Excerpts from a dataset:

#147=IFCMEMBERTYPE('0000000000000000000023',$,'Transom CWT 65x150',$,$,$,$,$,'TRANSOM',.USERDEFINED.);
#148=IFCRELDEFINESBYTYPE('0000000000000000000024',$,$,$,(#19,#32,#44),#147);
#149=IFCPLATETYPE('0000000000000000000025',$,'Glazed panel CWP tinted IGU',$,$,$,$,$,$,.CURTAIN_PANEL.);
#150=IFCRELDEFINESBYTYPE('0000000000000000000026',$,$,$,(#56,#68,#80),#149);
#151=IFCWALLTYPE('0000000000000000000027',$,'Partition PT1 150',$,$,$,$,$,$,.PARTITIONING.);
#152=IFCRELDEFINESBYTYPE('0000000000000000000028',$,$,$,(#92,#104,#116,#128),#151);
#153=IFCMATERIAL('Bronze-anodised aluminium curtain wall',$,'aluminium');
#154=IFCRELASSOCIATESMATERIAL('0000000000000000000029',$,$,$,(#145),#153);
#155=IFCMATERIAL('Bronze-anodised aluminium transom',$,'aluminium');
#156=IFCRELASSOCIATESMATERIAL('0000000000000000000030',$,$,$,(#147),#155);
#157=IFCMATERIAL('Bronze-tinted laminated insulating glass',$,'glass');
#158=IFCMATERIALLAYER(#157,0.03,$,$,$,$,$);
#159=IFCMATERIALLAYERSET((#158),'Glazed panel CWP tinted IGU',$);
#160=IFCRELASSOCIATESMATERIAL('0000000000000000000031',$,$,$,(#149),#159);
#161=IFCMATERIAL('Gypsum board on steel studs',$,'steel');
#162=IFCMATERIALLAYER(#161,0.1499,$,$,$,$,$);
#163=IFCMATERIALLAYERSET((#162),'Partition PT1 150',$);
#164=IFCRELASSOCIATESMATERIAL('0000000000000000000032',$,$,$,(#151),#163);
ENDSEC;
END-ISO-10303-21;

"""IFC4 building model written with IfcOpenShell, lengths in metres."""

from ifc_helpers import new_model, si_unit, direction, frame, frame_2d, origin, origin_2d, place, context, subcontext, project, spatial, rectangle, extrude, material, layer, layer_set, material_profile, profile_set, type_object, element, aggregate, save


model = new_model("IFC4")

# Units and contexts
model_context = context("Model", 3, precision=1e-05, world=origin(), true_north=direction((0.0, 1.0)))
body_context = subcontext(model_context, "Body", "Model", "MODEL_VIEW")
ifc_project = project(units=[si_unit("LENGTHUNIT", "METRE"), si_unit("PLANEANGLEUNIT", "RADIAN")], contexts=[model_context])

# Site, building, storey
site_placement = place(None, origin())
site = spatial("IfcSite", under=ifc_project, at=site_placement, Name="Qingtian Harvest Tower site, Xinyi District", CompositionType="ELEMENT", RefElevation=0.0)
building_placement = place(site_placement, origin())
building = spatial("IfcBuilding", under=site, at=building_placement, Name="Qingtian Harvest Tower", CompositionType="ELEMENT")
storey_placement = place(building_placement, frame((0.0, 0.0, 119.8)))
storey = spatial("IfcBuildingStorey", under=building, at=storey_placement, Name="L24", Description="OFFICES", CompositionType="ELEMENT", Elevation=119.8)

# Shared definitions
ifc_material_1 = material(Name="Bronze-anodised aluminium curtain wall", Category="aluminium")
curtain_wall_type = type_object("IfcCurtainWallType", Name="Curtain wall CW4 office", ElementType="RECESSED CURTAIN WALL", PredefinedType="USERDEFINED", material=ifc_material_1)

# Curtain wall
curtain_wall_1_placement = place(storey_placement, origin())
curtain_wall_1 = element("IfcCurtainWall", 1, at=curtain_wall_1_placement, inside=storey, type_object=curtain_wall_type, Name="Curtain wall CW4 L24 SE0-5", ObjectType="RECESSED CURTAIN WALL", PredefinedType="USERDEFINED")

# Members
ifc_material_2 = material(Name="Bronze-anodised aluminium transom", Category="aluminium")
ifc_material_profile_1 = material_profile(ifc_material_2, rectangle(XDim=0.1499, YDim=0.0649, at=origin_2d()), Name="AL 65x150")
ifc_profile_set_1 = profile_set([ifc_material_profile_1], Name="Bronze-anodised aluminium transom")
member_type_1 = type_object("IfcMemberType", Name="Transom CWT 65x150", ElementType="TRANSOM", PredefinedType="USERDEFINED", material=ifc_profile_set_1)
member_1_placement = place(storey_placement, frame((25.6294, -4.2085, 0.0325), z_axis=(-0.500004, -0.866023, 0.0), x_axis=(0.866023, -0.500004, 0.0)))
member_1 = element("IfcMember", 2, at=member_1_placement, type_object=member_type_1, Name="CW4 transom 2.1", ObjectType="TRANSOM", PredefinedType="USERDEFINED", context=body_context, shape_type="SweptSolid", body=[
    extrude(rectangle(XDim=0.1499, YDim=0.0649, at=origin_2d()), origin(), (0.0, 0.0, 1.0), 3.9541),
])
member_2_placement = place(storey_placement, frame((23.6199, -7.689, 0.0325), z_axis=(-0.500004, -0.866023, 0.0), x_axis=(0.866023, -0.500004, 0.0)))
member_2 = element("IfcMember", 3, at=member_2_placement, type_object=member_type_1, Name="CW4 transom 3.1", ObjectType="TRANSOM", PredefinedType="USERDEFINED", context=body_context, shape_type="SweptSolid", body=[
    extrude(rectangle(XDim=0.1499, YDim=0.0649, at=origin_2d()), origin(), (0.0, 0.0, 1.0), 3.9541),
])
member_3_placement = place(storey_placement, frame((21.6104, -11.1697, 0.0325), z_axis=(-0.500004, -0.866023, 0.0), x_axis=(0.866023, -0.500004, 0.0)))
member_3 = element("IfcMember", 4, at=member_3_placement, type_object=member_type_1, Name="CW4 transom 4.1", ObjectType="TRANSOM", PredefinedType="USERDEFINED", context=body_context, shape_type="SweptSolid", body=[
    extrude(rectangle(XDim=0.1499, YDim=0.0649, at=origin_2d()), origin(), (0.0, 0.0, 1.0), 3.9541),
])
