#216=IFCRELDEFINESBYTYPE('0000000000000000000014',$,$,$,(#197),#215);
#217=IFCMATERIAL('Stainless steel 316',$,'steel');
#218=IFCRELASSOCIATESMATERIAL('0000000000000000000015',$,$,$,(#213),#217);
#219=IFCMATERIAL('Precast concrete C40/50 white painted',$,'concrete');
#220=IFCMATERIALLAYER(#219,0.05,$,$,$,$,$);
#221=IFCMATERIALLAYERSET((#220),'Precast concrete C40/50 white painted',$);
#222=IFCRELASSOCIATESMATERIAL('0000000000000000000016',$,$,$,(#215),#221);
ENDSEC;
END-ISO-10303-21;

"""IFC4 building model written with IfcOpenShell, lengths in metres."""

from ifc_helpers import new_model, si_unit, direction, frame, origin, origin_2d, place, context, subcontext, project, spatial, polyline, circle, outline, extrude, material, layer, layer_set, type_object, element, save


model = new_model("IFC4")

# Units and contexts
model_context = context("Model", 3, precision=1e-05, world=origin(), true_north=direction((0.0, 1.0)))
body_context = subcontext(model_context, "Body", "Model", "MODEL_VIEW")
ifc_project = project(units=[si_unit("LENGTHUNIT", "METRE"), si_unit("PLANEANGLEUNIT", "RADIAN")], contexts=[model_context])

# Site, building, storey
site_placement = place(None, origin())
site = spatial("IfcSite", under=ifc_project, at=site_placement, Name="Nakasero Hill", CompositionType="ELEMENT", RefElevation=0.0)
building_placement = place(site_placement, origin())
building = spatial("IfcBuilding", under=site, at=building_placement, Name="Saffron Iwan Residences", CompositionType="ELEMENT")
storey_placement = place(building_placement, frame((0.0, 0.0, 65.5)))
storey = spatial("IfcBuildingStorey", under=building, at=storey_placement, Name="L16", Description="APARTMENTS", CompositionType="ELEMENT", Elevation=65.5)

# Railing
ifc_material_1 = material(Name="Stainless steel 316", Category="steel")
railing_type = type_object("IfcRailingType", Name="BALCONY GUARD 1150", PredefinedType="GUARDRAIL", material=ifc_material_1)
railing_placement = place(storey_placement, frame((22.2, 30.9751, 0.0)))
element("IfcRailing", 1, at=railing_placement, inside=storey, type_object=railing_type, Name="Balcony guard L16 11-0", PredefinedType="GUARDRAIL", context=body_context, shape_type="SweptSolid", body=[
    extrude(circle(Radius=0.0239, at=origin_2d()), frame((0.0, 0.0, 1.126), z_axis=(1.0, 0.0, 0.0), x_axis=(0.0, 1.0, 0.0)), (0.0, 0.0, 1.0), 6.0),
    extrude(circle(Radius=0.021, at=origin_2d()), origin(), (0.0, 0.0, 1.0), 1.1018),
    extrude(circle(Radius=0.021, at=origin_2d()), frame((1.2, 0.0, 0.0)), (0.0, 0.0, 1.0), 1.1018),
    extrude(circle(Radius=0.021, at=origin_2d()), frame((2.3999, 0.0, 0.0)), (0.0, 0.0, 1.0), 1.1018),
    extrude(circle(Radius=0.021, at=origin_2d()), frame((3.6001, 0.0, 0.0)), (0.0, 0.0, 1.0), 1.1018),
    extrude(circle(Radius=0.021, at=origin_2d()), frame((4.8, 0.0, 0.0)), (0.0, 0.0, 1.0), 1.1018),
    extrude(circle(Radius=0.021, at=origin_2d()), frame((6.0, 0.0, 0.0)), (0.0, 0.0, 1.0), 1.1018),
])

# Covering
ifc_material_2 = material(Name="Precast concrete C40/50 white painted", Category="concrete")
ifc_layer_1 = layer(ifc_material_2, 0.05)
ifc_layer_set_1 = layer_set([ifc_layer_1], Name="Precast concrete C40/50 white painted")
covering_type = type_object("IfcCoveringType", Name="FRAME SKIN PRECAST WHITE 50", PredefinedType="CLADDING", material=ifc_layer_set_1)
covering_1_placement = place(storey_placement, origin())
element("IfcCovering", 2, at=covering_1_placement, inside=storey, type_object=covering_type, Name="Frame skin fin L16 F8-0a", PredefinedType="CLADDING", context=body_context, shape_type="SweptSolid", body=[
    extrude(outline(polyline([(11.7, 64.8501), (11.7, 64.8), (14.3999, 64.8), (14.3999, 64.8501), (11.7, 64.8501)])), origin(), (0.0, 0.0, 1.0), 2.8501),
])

» About this task
Your answer should be the lines of the records that hold the string "IFCRELASSOCIATESMATERIAL".

» Result for this exercise
#154=IFCRELASSOCIATESMATERIAL('0000000000000000000029',$,$,$,(#145),#153);
#156=IFCRELASSOCIATESMATERIAL('0000000000000000000030',$,$,$,(#147),#155);
#160=IFCRELASSOCIATESMATERIAL('0000000000000000000031',$,$,$,(#149),#159);
#164=IFCRELASSOCIATESMATERIAL('0000000000000000000032',$,$,$,(#151),#163);
#218=IFCRELASSOCIATESMATERIAL('0000000000000000000015',$,$,$,(#213),#217);
#222=IFCRELASSOCIATESMATERIAL('0000000000000000000016',$,$,$,(#215),#221);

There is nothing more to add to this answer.